_Problem requirements:_ Give again, word for word, each line below starting at the one that contains "#192=IFCBEAMTYPE('0000000000000000000020',$,'Corner floor beam" and ending at the one that contains "building model written".

_Collected data:_
____________

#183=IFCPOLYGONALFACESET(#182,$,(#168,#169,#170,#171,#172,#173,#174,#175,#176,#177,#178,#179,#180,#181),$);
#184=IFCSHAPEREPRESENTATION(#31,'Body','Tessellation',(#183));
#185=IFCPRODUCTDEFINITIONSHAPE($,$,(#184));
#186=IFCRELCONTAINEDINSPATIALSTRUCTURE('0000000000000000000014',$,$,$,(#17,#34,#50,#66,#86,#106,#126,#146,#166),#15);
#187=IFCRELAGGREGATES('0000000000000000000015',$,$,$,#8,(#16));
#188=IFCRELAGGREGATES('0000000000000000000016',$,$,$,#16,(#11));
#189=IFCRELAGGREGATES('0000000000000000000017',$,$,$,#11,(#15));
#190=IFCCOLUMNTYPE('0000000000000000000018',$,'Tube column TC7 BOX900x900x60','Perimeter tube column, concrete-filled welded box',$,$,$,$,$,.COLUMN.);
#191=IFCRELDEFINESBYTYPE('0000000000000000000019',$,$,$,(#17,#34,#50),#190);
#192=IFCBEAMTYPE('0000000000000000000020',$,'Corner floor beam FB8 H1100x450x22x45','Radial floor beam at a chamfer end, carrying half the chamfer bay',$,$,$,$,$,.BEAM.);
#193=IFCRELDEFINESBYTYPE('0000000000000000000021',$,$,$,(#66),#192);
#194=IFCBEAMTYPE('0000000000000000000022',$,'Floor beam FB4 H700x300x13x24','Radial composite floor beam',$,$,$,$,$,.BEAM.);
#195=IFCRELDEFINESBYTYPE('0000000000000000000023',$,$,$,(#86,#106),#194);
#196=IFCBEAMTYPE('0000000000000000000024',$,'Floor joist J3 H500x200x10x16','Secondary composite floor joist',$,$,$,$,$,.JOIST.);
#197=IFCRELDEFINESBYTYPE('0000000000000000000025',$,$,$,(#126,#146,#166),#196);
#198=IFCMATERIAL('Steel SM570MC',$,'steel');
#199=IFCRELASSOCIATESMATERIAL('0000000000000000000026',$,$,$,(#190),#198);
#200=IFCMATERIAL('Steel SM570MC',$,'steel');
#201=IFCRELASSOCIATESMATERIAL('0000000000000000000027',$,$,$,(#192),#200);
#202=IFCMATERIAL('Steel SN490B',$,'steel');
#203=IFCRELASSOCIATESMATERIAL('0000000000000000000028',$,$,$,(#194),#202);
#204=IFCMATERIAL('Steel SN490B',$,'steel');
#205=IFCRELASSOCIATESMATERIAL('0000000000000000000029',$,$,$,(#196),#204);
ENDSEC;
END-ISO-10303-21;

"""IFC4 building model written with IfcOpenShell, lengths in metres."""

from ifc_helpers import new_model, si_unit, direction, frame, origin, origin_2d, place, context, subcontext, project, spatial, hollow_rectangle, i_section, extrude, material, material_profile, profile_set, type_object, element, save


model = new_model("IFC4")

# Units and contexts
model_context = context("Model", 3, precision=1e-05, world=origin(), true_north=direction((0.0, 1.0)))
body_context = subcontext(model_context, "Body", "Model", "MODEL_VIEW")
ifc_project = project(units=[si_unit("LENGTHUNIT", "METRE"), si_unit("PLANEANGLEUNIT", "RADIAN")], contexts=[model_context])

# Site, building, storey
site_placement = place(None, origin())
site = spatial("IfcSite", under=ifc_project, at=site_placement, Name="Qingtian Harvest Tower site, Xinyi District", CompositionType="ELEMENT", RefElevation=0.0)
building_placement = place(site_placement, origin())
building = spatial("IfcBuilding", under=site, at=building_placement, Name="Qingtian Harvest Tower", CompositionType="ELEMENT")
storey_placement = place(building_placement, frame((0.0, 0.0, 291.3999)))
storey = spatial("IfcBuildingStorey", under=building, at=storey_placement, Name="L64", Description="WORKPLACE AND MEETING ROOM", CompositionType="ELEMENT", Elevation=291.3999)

____________

_Response for this exercise:_
#192=IFCBEAMTYPE('0000000000000000000020',$,'Corner floor beam FB8 H1100x450x22x45','Radial floor beam at a chamfer end, carrying half the chamfer bay',$,$,$,$,$,.BEAM.);
#193=IFCRELDEFINESBYTYPE('0000000000000000000021',$,$,$,(#66),#192);
#194=IFCBEAMTYPE('0000000000000000000022',$,'Floor beam FB4 H700x300x13x24','Radial composite floor beam',$,$,$,$,$,.BEAM.);
#195=IFCRELDEFINESBYTYPE('0000000000000000000023',$,$,$,(#86,#106),#194);
#196=IFCBEAMTYPE('0000000000000000000024',$,'Floor joist J3 H500x200x10x16','Secondary composite floor joist',$,$,$,$,$,.JOIST.);
#197=IFCRELDEFINESBYTYPE('0000000000000000000025',$,$,$,(#126,#146,#166),#196);
#198=IFCMATERIAL('Steel SM570MC',$,'steel');
#199=IFCRELASSOCIATESMATERIAL('0000000000000000000026',$,$,$,(#190),#198);
#200=IFCMATERIAL('Steel SM570MC',$,'steel');
#201=IFCRELASSOCIATESMATERIAL('0000000000000000000027',$,$,$,(#192),#200);
#202=IFCMATERIAL('Steel SN490B',$,'steel');
#203=IFCRELASSOCIATESMATERIAL('0000000000000000000028',$,$,$,(#194),#202);
#204=IFCMATERIAL('Steel SN490B',$,'steel');
#205=IFCRELASSOCIATESMATERIAL('0000000000000000000029',$,$,$,(#196),#204);
ENDSEC;
END-ISO-10303-21;

"""IFC4 building model written with IfcOpenShell, lengths in metres."""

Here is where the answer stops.